• **DIRECTIONS**:
Below are the entries to retype; reproduce each one exactly.

• **DATA FOR THE TASK**:
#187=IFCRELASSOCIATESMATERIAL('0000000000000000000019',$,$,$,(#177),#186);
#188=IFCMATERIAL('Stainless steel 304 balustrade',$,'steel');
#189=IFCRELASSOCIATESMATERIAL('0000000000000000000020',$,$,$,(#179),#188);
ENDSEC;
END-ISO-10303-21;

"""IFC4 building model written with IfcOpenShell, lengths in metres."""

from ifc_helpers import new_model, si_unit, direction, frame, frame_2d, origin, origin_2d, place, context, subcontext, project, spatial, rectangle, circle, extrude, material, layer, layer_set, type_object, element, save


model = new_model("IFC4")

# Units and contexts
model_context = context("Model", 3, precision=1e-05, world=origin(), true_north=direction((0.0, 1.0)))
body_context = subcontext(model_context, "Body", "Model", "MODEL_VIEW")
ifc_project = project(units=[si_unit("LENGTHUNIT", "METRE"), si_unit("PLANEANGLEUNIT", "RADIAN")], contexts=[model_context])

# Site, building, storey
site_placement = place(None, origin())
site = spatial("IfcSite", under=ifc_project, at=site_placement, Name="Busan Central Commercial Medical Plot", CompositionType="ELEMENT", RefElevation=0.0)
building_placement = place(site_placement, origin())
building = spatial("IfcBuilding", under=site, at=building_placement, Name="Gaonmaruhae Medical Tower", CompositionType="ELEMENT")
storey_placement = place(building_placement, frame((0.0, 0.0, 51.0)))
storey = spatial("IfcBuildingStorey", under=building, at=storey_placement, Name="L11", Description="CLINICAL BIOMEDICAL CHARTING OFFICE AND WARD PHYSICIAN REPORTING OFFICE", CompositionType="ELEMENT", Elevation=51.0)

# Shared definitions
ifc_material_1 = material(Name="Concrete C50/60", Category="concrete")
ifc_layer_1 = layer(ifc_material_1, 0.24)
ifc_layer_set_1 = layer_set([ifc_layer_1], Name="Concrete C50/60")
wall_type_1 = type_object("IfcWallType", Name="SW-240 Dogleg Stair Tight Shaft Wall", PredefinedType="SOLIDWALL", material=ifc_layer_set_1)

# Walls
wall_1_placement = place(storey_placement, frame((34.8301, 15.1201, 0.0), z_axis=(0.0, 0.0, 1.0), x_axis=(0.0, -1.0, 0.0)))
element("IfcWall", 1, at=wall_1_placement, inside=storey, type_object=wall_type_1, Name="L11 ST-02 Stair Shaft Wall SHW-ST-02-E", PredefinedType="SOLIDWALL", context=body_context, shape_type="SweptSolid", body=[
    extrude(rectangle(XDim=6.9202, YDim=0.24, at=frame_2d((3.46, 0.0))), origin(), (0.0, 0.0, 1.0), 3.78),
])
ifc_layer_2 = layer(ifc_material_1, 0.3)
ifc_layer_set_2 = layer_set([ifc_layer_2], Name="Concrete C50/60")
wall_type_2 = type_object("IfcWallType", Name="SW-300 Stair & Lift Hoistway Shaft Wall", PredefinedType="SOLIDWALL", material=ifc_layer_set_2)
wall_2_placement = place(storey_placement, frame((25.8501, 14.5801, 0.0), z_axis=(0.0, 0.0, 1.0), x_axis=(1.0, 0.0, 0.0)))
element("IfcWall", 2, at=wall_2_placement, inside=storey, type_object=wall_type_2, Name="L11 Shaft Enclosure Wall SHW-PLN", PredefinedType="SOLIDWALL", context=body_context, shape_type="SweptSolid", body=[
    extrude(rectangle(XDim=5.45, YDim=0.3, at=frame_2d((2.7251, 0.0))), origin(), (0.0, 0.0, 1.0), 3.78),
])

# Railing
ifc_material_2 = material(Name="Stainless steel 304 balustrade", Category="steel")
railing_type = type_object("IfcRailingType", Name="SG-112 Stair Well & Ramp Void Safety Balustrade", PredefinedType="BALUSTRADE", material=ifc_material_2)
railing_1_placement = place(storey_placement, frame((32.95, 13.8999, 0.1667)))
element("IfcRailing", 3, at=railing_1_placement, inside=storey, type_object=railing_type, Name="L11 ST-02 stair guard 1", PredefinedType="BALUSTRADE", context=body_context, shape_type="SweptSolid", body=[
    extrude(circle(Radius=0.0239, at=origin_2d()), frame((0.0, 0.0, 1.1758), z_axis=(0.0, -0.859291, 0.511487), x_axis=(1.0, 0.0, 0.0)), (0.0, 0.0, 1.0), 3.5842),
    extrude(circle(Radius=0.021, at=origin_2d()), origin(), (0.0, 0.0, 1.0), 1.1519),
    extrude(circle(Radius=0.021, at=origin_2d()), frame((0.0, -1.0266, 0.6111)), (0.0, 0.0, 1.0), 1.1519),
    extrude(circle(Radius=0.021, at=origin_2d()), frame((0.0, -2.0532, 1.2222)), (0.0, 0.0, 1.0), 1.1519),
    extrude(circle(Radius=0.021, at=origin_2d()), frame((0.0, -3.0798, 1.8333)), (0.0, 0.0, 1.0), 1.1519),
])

• **EXERCISE RESULT**:
#187=IFCRELASSOCIATESMATERIAL('0000000000000000000019',$,$,$,(#177),#186);
#188=IFCMATERIAL('Stainless steel 304 balustrade',$,'steel');
#189=IFCRELASSOCIATESMATERIAL('0000000000000000000020',$,$,$,(#179),#188);
ENDSEC;
END-ISO-10303-21;

"""IFC4 building model written with IfcOpenShell, lengths in metres."""

from ifc_helpers import new_model, si_unit, direction, frame, frame_2d, origin, origin_2d, place, context, subcontext, project, spatial, rectangle, circle, extrude, material, layer, layer_set, type_object, element, save


model = new_model("IFC4")

# Units and contexts
model_context = context("Model", 3, precision=1e-05, world=origin(), true_north=direction((0.0, 1.0)))
body_context = subcontext(model_context, "Body", "Model", "MODEL_VIEW")
ifc_project = project(units=[si_unit("LENGTHUNIT", "METRE"), si_unit("PLANEANGLEUNIT", "RADIAN")], contexts=[model_context])

# Site, building, storey
site_placement = place(None, origin())
site = spatial("IfcSite", under=ifc_project, at=site_placement, Name="Busan Central Commercial Medical Plot", CompositionType="ELEMENT", RefElevation=0.0)
building_placement = place(site_placement, origin())
building = spatial("IfcBuilding", under=site, at=building_placement, Name="Gaonmaruhae Medical Tower", CompositionType="ELEMENT")
storey_placement = place(building_placement, frame((0.0, 0.0, 51.0)))
storey = spatial("IfcBuildingStorey", under=building, at=storey_placement, Name="L11", Description="CLINICAL BIOMEDICAL CHARTING OFFICE AND WARD PHYSICIAN REPORTING OFFICE", CompositionType="ELEMENT", Elevation=51.0)

# Shared definitions
ifc_material_1 = material(Name="Concrete C50/60", Category="concrete")
ifc_layer_1 = layer(ifc_material_1, 0.24)
ifc_layer_set_1 = layer_set([ifc_layer_1], Name="Concrete C50/60")
wall_type_1 = type_object("IfcWallType", Name="SW-240 Dogleg Stair Tight Shaft Wall", PredefinedType="SOLIDWALL", material=ifc_layer_set_1)

# Walls
wall_1_placement = place(storey_placement, frame((34.8301, 15.1201, 0.0), z_axis=(0.0, 0.0, 1.0), x_axis=(0.0, -1.0, 0.0)))
element("IfcWall", 1, at=wall_1_placement, inside=storey, type_object=wall_type_1, Name="L11 ST-02 Stair Shaft Wall SHW-ST-02-E", PredefinedType="SOLIDWALL", context=body_context, shape_type="SweptSolid", body=[
    extrude(rectangle(XDim=6.9202, YDim=0.24, at=frame_2d((3.46, 0.0))), origin(), (0.0, 0.0, 1.0), 3.78),
])
ifc_layer_2 = layer(ifc_material_1, 0.3)
ifc_layer_set_2 = layer_set([ifc_layer_2], Name="Concrete C50/60")
wall_type_2 = type_object("IfcWallType", Name="SW-300 Stair & Lift Hoistway Shaft Wall", PredefinedType="SOLIDWALL", material=ifc_layer_set_2)
wall_2_placement = place(storey_placement, frame((25.8501, 14.5801, 0.0), z_axis=(0.0, 0.0, 1.0), x_axis=(1.0, 0.0, 0.0)))
element("IfcWall", 2, at=wall_2_placement, inside=storey, type_object=wall_type_2, Name="L11 Shaft Enclosure Wall SHW-PLN", PredefinedType="SOLIDWALL", context=body_context, shape_type="SweptSolid", body=[
    extrude(rectangle(XDim=5.45, YDim=0.3, at=frame_2d((2.7251, 0.0))), origin(), (0.0, 0.0, 1.0), 3.78),
])

# Railing
ifc_material_2 = material(Name="Stainless steel 304 balustrade", Category="steel")
railing_type = type_object("IfcRailingType", Name="SG-112 Stair Well & Ramp Void Safety Balustrade", PredefinedType="BALUSTRADE", material=ifc_material_2)
railing_1_placement = place(storey_placement, frame((32.95, 13.8999, 0.1667)))
element("IfcRailing", 3, at=railing_1_placement, inside=storey, type_object=railing_type, Name="L11 ST-02 stair guard 1", PredefinedType="BALUSTRADE", context=body_context, shape_type="SweptSolid", body=[
    extrude(circle(Radius=0.0239, at=origin_2d()), frame((0.0, 0.0, 1.1758), z_axis=(0.0, -0.859291, 0.511487), x_axis=(1.0, 0.0, 0.0)), (0.0, 0.0, 1.0), 3.5842),
    extrude(circle(Radius=0.021, at=origin_2d()), origin(), (0.0, 0.0, 1.0), 1.1519),
    extrude(circle(Radius=0.021, at=origin_2d()), frame((0.0, -1.0266, 0.6111)), (0.0, 0.0, 1.0), 1.1519),
    extrude(circle(Radius=0.021, at=origin_2d()), frame((0.0, -2.0532, 1.2222)), (0.0, 0.0, 1.0), 1.1519),
    extrude(circle(Radius=0.021, at=origin_2d()), frame((0.0, -3.0798, 1.8333)), (0.0, 0.0, 1.0), 1.1519),
])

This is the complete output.